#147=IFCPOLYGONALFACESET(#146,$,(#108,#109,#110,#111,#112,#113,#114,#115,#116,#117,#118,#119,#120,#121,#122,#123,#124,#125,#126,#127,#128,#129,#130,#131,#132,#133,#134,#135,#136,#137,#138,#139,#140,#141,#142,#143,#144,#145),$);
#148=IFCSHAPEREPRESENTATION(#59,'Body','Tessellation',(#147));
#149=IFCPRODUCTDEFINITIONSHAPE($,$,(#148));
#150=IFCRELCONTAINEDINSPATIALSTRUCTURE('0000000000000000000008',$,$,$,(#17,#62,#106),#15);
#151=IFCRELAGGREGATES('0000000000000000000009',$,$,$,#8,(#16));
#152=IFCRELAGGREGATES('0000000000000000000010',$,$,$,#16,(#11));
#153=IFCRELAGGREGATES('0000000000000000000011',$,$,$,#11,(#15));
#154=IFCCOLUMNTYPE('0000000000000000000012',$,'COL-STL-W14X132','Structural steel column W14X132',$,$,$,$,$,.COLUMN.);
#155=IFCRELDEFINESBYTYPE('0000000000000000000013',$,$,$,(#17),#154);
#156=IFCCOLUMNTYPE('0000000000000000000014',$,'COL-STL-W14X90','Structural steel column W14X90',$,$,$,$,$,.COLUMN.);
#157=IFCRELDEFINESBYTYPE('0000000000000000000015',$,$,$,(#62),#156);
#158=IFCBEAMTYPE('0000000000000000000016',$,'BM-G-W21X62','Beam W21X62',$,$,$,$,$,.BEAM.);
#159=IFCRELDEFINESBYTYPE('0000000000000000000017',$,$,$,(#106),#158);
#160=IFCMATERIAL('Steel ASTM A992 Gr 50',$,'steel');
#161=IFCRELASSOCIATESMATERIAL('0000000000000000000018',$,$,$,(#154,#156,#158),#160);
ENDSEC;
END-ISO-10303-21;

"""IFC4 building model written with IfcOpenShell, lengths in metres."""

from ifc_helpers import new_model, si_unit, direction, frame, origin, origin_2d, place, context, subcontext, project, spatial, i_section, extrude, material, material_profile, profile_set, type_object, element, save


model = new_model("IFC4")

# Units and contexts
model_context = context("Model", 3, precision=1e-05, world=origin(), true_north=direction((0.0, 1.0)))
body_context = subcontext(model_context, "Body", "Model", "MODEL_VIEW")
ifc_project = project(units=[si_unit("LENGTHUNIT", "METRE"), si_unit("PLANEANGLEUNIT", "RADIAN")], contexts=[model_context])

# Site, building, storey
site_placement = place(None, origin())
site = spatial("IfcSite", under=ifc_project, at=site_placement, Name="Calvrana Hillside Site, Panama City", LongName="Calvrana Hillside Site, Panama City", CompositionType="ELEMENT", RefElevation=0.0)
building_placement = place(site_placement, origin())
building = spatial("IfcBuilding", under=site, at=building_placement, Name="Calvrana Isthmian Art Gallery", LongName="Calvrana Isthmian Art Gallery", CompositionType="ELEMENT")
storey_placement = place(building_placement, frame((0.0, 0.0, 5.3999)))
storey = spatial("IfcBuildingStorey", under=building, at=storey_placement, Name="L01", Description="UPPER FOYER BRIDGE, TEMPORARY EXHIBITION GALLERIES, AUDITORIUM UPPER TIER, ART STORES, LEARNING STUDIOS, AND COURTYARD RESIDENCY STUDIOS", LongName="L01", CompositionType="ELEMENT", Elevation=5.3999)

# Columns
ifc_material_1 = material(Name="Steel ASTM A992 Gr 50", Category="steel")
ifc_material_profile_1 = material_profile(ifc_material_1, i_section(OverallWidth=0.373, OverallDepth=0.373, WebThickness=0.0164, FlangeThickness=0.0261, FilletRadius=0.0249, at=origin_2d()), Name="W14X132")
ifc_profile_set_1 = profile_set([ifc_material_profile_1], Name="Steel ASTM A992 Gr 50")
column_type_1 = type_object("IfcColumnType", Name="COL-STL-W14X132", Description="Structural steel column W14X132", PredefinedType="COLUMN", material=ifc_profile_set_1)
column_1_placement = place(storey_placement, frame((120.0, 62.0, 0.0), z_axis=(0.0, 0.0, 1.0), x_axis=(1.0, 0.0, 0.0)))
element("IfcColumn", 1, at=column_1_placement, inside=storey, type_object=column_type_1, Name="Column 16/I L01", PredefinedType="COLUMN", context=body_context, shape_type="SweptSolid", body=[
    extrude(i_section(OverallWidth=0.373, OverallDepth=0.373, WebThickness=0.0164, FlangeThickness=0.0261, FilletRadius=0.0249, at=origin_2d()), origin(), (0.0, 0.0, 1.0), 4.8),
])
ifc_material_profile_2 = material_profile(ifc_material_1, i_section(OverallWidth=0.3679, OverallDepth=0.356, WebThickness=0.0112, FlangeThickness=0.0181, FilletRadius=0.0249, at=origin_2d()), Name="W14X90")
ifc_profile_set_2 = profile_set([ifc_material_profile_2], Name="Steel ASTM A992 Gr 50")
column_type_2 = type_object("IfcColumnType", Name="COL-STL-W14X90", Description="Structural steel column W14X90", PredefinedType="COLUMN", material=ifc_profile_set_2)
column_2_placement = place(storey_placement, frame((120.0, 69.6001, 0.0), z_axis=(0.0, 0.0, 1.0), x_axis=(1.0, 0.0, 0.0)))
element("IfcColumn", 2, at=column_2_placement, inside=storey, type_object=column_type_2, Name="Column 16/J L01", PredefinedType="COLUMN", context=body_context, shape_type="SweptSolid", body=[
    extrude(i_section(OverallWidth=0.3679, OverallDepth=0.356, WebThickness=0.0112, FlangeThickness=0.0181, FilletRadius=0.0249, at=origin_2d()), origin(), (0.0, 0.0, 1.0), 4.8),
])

--

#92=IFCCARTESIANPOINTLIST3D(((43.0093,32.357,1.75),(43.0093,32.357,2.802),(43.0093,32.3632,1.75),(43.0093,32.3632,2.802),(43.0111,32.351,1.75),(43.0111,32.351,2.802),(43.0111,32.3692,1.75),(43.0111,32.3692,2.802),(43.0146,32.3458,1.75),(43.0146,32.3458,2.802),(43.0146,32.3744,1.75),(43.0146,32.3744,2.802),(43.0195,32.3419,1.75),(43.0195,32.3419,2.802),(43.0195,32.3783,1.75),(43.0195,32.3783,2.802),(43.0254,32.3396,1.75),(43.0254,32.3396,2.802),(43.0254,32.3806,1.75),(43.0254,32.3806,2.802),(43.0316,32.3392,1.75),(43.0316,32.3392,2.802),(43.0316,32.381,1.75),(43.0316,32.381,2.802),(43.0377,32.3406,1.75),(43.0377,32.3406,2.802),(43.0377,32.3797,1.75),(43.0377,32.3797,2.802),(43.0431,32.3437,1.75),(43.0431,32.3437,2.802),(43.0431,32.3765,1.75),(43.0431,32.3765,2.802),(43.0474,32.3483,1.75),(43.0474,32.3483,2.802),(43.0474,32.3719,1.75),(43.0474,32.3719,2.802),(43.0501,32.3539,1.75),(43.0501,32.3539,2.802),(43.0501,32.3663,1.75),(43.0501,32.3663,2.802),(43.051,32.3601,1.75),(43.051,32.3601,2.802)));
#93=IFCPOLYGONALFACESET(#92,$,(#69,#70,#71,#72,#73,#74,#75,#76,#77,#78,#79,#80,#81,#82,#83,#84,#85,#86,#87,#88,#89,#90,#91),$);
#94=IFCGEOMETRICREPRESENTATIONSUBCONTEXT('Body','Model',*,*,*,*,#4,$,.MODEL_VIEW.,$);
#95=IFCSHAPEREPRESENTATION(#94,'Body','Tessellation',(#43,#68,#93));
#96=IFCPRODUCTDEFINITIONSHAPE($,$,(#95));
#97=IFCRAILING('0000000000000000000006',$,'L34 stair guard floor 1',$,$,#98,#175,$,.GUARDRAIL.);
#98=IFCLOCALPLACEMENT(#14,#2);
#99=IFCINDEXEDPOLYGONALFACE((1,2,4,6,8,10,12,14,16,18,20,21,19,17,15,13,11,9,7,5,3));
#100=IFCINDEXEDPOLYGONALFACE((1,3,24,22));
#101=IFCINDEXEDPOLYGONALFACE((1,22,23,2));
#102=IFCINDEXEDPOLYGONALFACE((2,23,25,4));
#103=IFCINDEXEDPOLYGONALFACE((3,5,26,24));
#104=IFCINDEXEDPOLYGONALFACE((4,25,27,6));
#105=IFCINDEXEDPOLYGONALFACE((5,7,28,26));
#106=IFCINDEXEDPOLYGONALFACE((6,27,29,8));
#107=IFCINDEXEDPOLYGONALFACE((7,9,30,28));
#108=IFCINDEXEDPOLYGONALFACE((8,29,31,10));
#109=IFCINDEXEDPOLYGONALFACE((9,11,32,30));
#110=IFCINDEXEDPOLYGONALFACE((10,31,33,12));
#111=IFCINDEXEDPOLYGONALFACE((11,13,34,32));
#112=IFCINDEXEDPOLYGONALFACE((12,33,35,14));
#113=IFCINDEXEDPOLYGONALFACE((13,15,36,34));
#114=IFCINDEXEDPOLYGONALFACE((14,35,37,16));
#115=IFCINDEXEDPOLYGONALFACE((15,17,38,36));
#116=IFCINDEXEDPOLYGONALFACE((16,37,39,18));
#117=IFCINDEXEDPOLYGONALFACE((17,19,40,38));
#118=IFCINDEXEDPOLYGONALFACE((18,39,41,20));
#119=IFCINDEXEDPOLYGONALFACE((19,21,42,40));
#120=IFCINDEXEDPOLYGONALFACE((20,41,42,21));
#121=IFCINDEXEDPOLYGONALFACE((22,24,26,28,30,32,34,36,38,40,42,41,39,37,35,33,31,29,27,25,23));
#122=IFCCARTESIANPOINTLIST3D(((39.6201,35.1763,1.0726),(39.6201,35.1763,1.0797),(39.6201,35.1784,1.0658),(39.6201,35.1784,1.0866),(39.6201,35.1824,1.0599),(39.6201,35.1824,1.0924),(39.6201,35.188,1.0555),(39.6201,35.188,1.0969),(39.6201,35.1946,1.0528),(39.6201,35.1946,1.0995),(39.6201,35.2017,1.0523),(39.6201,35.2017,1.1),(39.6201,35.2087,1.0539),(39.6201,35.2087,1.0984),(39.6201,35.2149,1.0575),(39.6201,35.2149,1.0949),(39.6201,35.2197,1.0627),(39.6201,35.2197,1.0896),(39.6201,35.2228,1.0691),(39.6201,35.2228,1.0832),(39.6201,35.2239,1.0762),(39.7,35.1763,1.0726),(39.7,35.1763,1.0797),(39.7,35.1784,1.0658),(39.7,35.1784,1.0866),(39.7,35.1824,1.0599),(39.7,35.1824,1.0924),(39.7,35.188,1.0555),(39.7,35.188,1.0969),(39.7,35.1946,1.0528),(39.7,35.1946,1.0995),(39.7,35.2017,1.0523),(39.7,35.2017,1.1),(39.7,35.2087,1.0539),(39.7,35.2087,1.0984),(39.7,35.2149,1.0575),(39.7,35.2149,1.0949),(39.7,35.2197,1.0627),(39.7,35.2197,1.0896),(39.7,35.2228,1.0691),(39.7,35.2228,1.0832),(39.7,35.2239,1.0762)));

==

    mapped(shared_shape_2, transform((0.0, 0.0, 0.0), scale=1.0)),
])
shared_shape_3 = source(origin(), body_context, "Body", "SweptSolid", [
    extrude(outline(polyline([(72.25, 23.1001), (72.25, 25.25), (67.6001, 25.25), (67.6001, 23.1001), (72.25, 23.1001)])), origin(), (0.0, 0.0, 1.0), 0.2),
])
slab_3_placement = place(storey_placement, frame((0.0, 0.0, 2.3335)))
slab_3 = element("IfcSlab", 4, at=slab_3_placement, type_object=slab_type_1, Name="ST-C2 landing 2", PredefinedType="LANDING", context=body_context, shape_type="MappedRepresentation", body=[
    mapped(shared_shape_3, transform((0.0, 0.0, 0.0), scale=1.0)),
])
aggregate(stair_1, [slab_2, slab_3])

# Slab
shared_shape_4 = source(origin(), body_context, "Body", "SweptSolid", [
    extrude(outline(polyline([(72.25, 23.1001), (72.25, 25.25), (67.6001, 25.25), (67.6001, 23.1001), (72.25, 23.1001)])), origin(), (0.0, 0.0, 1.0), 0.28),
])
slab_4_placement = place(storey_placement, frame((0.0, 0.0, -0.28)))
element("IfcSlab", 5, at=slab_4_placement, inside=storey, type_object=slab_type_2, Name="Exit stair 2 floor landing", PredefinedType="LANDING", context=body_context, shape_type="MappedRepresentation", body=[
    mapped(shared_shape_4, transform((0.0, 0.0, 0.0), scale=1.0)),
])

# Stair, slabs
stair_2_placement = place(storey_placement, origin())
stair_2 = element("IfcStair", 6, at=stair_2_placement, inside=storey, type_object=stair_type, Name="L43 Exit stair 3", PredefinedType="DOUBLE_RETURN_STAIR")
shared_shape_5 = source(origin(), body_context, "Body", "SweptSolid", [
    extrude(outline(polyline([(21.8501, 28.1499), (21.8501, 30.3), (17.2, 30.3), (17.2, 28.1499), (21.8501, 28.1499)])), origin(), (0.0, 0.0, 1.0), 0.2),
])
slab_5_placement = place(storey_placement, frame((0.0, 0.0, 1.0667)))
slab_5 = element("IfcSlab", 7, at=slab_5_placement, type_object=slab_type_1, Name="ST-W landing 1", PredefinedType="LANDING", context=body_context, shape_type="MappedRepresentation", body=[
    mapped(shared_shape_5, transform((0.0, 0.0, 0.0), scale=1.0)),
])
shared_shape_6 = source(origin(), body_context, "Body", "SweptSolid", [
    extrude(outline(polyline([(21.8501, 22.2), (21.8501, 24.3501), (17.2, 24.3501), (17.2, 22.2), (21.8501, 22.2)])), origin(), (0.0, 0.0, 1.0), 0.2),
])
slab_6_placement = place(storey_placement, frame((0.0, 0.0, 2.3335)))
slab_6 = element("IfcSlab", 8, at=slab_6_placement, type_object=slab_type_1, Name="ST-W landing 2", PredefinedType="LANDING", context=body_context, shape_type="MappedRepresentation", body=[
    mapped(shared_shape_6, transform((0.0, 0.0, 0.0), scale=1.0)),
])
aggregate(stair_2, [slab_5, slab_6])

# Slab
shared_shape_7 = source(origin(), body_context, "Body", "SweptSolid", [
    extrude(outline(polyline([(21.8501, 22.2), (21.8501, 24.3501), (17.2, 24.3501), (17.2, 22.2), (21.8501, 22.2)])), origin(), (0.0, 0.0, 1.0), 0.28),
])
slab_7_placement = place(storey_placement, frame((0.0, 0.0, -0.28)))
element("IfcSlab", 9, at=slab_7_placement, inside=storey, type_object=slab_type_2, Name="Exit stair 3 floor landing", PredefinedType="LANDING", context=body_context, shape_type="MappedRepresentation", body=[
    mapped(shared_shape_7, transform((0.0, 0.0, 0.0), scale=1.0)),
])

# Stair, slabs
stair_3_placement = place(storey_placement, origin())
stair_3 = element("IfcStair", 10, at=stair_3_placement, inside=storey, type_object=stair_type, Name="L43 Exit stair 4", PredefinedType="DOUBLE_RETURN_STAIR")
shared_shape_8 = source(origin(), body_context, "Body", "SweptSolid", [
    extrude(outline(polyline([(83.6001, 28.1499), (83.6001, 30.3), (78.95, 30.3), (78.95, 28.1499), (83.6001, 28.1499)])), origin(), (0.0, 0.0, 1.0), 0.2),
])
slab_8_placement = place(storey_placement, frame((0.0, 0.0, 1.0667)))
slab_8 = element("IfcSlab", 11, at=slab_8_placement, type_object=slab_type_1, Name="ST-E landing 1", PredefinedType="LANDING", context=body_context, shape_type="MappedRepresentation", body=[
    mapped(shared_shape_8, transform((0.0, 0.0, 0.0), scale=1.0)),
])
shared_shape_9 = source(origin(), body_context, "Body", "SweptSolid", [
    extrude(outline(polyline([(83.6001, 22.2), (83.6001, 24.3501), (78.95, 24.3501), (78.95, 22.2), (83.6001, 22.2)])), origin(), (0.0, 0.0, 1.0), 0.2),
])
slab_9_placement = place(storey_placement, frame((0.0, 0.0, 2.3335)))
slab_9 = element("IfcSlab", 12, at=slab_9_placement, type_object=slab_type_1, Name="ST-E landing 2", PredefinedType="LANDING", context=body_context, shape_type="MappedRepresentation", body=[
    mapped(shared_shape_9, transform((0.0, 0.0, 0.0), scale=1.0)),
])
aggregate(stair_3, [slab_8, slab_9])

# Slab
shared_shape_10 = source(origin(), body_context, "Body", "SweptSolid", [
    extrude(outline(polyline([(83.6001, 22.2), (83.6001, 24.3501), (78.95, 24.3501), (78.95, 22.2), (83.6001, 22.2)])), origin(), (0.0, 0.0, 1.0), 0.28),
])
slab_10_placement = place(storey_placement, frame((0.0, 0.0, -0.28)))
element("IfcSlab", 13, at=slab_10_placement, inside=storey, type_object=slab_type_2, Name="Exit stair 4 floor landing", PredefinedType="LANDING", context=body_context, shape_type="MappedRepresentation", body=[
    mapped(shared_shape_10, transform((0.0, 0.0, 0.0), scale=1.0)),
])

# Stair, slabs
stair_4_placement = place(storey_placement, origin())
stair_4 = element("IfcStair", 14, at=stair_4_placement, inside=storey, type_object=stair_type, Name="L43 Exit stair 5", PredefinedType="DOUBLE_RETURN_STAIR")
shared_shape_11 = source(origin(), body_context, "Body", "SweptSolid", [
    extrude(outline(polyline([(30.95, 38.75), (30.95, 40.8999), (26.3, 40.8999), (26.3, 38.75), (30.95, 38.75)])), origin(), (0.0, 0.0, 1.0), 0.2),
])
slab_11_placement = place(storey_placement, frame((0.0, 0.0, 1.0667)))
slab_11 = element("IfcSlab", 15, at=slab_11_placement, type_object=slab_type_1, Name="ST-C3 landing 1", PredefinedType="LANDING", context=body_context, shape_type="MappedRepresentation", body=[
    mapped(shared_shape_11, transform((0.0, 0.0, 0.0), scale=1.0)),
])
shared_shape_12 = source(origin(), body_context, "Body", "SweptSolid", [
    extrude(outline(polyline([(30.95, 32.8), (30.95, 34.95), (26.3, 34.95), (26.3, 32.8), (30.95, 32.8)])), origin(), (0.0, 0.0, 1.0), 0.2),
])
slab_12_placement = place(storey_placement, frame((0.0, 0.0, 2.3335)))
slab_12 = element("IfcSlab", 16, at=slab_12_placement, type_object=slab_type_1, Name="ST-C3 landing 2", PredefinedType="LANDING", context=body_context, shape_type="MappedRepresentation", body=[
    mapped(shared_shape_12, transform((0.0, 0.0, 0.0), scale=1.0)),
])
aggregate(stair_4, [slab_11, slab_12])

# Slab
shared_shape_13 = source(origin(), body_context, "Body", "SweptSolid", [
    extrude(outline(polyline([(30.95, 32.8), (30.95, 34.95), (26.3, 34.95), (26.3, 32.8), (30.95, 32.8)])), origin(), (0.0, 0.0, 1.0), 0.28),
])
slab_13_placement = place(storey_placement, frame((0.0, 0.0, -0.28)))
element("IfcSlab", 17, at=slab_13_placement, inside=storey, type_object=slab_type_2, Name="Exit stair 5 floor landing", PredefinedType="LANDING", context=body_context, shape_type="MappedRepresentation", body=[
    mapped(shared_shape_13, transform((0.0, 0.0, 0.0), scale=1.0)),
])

Your objective:
Find every line above that contains the word "ASTM", and return each one.

Exercise solution:
#160=IFCMATERIAL('Steel ASTM A992 Gr 50',$,'steel');
ifc_material_1 = material(Name="Steel ASTM A992 Gr 50", Category="steel")
ifc_profile_set_1 = profile_set([ifc_material_profile_1], Name="Steel ASTM A992 Gr 50")
ifc_profile_set_2 = profile_set([ifc_material_profile_2], Name="Steel ASTM A992 Gr 50")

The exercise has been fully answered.